*YOUR INSTRUCTIONS*. Gather all lines with "Theatre" from the records.

*AVAILABLE DATA*.
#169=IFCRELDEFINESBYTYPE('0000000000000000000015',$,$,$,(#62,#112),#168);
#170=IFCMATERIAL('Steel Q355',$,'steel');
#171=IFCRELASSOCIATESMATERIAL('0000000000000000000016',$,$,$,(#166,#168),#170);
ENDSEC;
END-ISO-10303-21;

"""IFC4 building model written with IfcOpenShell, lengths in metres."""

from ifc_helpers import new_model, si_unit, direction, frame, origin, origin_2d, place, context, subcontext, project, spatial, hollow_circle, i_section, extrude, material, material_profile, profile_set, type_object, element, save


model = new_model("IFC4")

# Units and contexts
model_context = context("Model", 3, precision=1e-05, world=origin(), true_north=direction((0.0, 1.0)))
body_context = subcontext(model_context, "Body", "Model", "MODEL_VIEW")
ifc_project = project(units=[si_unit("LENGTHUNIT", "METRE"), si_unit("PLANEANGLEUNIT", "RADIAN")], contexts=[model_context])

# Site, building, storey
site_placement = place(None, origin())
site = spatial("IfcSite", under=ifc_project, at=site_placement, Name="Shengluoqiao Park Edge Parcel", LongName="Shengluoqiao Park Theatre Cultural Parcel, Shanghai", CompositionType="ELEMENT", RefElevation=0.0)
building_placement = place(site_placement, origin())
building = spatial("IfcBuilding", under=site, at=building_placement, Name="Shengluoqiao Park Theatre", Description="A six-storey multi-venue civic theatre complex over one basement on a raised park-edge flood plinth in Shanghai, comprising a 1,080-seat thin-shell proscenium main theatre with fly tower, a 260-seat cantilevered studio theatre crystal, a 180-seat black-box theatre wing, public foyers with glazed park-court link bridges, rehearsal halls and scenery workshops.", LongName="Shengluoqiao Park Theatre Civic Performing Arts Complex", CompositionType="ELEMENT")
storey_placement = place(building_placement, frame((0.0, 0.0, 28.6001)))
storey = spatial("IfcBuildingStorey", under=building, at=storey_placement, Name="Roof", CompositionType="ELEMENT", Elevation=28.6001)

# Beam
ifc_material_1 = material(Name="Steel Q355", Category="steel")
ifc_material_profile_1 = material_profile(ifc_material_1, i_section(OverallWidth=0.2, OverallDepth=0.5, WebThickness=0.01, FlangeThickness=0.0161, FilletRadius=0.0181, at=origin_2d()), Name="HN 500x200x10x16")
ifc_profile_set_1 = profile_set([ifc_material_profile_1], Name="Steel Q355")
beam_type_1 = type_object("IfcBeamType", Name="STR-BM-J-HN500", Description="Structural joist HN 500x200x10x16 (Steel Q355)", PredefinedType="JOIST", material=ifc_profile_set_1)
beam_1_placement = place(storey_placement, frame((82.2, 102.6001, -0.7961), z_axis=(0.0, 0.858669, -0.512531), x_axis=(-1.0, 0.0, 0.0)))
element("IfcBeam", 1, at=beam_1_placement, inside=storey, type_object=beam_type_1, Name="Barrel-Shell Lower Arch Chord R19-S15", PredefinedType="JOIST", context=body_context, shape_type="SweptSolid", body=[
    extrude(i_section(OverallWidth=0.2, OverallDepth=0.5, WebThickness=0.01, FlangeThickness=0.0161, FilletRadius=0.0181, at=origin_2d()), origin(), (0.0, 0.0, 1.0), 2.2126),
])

*REPLY*.
site = spatial("IfcSite", under=ifc_project, at=site_placement, Name="Shengluoqiao Park Edge Parcel", LongName="Shengluoqiao Park Theatre Cultural Parcel, Shanghai", CompositionType="ELEMENT", RefElevation=0.0)
building = spatial("IfcBuilding", under=site, at=building_placement, Name="Shengluoqiao Park Theatre", Description="A six-storey multi-venue civic theatre complex over one basement on a raised park-edge flood plinth in Shanghai, comprising a 1,080-seat thin-shell proscenium main theatre with fly tower, a 260-seat cantilevered studio theatre crystal, a 180-seat black-box theatre wing, public foyers with glazed park-court link bridges, rehearsal halls and scenery workshops.", LongName="Shengluoqiao Park Theatre Civic Performing Arts Complex", CompositionType="ELEMENT")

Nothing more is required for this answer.